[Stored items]
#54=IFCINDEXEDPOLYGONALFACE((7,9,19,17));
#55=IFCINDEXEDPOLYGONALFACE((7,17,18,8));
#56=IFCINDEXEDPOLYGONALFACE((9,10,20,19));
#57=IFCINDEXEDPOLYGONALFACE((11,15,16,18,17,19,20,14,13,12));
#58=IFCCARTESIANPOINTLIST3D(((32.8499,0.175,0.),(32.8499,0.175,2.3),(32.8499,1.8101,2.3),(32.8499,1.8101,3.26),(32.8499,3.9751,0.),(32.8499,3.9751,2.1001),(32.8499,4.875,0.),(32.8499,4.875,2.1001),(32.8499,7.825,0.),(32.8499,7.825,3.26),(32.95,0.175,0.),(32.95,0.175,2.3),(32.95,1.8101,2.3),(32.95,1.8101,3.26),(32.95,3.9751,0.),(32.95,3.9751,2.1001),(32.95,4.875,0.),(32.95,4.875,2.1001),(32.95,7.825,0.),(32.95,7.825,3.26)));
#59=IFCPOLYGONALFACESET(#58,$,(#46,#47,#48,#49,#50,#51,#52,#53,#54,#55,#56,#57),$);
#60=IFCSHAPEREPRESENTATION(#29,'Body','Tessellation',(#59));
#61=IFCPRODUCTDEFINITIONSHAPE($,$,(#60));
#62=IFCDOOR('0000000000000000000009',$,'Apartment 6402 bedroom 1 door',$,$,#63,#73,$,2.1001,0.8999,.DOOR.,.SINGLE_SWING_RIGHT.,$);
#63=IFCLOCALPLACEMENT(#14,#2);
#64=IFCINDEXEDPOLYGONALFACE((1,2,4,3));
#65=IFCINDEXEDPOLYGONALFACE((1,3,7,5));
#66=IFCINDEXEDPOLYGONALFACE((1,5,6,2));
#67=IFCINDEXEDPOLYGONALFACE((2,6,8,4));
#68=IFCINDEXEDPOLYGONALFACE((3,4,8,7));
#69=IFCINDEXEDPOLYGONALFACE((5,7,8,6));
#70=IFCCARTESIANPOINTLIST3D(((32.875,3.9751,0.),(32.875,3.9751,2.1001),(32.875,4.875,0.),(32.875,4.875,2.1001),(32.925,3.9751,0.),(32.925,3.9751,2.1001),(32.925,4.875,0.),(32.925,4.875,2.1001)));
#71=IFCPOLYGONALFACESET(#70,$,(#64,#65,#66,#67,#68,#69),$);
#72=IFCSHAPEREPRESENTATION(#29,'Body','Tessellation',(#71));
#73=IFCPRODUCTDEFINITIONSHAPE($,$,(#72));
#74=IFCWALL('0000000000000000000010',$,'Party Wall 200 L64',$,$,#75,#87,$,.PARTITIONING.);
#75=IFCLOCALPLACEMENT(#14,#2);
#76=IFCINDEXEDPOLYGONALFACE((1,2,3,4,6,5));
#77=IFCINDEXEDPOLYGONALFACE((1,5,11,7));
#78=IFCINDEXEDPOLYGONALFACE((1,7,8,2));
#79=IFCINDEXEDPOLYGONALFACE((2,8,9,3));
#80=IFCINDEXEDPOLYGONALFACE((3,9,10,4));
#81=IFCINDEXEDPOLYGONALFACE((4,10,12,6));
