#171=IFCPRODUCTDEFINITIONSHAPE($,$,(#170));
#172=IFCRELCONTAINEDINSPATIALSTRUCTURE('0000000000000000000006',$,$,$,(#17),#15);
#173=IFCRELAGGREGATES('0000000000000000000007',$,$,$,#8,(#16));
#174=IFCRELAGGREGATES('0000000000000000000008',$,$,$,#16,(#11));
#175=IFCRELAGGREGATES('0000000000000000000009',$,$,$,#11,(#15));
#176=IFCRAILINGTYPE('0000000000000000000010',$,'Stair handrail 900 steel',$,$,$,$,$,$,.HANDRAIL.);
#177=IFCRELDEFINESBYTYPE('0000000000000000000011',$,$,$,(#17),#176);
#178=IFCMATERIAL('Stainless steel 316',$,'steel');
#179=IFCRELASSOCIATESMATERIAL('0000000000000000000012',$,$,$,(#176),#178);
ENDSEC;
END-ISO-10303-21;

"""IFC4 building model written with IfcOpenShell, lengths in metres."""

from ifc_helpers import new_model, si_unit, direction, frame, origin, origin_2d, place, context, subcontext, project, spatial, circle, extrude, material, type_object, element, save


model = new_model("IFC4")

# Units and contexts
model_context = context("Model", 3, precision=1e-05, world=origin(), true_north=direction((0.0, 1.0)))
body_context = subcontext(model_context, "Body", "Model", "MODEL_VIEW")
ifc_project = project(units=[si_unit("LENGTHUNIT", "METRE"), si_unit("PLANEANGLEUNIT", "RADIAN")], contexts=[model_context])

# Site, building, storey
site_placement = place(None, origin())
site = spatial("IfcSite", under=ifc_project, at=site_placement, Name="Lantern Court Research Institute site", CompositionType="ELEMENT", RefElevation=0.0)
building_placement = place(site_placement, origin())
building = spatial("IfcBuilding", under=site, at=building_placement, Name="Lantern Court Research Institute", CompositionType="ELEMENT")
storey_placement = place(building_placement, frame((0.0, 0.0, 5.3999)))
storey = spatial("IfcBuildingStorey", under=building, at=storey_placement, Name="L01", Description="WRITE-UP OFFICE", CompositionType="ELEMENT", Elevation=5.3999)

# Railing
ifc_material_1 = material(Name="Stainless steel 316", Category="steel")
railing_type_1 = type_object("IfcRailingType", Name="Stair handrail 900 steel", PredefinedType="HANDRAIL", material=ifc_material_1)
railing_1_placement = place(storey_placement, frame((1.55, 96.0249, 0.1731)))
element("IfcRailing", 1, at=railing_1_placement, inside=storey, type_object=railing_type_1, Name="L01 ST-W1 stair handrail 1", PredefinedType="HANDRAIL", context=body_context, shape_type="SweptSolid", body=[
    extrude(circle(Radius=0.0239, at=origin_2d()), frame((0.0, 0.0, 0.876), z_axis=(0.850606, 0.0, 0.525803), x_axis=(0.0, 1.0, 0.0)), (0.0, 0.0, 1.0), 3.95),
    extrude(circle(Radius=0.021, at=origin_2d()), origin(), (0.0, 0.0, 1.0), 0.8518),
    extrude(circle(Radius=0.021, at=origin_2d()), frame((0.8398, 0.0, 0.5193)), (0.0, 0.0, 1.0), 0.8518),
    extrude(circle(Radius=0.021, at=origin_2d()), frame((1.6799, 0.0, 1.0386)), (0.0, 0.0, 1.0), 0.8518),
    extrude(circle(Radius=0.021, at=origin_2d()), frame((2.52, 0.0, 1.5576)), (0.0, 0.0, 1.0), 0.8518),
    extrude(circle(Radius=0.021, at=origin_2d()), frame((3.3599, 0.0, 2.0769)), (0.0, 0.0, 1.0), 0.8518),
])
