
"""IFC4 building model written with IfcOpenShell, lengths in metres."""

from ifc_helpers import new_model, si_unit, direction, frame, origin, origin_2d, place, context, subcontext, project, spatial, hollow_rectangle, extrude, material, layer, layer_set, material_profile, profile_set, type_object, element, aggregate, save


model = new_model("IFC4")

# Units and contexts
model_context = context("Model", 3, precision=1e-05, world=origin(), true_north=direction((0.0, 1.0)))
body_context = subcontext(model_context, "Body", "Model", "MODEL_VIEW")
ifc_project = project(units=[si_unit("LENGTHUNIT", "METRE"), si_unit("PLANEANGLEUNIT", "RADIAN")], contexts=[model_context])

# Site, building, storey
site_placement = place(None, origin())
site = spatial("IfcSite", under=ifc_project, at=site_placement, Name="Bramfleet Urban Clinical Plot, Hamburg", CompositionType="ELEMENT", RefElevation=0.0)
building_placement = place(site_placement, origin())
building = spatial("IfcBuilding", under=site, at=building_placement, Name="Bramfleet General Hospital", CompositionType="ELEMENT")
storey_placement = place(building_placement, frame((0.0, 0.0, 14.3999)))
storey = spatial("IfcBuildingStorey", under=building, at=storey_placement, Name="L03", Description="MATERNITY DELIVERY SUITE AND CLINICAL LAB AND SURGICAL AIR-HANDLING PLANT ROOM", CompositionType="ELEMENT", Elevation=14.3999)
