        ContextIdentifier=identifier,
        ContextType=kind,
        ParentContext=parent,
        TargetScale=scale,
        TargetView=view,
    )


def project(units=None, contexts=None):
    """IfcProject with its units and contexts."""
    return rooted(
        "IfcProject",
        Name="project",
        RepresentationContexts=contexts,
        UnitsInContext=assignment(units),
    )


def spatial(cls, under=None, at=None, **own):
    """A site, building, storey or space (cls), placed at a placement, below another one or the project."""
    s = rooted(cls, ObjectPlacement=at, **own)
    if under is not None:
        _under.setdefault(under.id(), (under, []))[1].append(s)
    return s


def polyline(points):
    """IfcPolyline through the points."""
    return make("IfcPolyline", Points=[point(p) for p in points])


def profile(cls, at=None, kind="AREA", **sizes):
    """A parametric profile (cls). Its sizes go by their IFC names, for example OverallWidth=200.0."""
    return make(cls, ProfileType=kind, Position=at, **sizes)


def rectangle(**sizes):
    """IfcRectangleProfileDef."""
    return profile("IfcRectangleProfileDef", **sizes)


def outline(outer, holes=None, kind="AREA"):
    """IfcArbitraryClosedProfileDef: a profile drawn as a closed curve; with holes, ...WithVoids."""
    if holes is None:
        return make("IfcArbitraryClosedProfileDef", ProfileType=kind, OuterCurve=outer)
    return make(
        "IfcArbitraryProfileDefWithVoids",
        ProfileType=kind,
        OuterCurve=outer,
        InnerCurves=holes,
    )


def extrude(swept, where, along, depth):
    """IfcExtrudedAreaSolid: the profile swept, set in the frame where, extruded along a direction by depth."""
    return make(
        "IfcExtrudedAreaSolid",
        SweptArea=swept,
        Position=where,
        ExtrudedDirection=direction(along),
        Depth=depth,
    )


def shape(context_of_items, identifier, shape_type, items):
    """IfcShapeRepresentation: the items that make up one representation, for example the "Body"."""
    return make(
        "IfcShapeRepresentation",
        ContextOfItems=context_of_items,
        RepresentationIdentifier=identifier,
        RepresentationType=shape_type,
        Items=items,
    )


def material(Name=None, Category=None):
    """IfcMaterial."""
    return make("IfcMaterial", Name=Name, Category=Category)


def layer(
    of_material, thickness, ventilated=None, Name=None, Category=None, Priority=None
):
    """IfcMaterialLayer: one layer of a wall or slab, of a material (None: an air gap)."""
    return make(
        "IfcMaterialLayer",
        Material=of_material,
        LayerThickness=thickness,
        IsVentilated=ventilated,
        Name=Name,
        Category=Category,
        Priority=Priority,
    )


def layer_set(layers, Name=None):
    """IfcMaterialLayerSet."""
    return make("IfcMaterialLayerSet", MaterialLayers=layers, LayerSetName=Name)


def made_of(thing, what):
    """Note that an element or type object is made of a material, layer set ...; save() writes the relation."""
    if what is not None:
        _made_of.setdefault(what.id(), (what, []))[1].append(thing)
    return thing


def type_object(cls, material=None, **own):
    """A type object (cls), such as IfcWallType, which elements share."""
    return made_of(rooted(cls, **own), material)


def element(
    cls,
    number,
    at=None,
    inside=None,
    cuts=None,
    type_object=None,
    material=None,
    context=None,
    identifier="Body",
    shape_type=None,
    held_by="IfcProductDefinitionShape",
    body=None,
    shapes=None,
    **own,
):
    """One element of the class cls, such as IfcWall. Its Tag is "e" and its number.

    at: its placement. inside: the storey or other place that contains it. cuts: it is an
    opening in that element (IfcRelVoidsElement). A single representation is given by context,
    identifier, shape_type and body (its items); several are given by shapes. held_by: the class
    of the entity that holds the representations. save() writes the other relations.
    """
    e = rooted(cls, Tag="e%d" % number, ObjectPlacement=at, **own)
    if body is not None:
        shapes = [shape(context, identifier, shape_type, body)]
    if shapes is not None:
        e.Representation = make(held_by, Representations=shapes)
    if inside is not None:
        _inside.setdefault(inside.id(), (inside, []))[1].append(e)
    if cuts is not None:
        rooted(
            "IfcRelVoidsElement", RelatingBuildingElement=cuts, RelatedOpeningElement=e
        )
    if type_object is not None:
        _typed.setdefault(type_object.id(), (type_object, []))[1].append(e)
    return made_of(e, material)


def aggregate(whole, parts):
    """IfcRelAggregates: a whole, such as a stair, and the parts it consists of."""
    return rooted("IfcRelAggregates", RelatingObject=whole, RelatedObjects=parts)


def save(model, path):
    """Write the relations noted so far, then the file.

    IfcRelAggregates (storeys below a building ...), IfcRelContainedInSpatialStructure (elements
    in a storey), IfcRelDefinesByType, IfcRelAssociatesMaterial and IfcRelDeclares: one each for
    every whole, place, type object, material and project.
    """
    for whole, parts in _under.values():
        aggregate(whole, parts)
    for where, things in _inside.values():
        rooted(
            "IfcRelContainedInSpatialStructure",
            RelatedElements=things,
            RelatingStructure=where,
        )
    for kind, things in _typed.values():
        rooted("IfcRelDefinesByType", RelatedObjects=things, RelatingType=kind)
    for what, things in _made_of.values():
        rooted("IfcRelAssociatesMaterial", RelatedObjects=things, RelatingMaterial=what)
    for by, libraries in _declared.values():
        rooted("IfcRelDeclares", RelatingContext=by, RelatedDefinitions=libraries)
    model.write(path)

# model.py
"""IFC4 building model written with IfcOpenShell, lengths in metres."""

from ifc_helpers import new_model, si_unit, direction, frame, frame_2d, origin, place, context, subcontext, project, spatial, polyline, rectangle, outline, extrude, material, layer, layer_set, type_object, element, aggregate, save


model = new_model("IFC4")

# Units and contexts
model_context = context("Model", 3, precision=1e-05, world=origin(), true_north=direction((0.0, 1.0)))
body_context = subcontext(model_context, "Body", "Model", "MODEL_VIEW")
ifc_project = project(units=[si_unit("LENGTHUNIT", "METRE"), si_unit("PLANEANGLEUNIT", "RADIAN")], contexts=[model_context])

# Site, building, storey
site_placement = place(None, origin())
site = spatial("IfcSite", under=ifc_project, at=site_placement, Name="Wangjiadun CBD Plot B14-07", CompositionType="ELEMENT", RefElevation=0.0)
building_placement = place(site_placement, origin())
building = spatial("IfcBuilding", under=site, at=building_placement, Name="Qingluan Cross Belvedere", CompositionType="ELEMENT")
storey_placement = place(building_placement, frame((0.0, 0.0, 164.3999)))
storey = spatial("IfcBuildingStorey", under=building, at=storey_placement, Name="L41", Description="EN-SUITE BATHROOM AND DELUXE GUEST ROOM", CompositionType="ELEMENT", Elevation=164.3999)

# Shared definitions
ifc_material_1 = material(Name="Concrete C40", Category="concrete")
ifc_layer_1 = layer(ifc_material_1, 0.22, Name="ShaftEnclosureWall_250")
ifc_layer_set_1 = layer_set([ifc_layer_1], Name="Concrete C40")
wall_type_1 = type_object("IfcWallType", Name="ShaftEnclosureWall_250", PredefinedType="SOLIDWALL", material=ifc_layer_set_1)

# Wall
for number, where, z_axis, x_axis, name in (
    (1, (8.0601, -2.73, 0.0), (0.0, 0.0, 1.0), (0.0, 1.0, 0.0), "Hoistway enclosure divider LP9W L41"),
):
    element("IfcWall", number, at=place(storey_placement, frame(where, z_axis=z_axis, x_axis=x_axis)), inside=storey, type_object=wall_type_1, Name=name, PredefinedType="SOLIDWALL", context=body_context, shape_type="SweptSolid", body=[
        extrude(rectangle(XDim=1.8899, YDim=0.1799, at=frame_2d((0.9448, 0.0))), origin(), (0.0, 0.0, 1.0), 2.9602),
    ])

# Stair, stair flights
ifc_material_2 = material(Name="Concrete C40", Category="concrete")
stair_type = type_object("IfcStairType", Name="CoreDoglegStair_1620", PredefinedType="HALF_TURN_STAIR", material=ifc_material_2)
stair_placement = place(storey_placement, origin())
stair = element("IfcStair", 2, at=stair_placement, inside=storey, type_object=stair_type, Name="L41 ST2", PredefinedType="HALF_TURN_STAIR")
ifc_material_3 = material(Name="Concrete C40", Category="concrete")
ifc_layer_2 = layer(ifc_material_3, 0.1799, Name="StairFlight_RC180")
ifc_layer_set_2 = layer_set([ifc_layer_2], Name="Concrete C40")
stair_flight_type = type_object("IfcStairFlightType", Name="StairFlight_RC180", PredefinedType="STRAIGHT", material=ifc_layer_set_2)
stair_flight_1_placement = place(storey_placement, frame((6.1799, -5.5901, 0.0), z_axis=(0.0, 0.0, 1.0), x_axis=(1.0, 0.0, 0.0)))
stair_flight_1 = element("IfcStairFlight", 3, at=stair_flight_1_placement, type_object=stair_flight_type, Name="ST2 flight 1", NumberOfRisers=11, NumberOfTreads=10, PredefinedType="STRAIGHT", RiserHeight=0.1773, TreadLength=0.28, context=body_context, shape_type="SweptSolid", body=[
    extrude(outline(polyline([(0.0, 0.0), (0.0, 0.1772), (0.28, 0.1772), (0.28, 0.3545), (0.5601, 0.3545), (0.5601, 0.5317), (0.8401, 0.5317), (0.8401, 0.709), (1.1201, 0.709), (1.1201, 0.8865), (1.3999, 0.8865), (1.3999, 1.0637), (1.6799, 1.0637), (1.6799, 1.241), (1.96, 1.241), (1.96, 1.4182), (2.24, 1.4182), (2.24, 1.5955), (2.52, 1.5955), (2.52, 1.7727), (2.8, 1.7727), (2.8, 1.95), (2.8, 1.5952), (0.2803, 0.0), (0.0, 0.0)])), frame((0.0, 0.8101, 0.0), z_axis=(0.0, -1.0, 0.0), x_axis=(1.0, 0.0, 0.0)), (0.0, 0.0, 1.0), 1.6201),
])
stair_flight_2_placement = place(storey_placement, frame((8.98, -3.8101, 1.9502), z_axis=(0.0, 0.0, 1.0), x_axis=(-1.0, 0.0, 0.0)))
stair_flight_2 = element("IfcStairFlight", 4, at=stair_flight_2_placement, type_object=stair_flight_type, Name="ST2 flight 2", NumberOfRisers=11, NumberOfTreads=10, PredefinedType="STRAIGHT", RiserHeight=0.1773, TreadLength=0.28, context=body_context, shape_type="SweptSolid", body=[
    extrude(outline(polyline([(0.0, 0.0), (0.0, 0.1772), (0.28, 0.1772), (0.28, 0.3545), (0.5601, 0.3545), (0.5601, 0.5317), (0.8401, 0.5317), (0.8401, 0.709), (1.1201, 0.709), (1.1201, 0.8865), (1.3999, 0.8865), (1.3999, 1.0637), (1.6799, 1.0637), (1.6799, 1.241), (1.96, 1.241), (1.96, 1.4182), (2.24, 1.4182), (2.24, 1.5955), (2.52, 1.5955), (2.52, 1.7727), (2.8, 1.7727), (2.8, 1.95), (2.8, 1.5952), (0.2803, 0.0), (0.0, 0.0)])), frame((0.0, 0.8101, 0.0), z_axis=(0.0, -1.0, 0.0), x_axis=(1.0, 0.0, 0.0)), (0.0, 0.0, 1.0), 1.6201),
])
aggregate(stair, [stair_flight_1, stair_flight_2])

# Exercise goal
Which lines above contain the word "class"? Copy all of them.

# Result of this exercise
    """One element of the class cls, such as IfcWall. Its Tag is "e" and its number.
    identifier, shape_type and body (its items); several are given by shapes. held_by: the class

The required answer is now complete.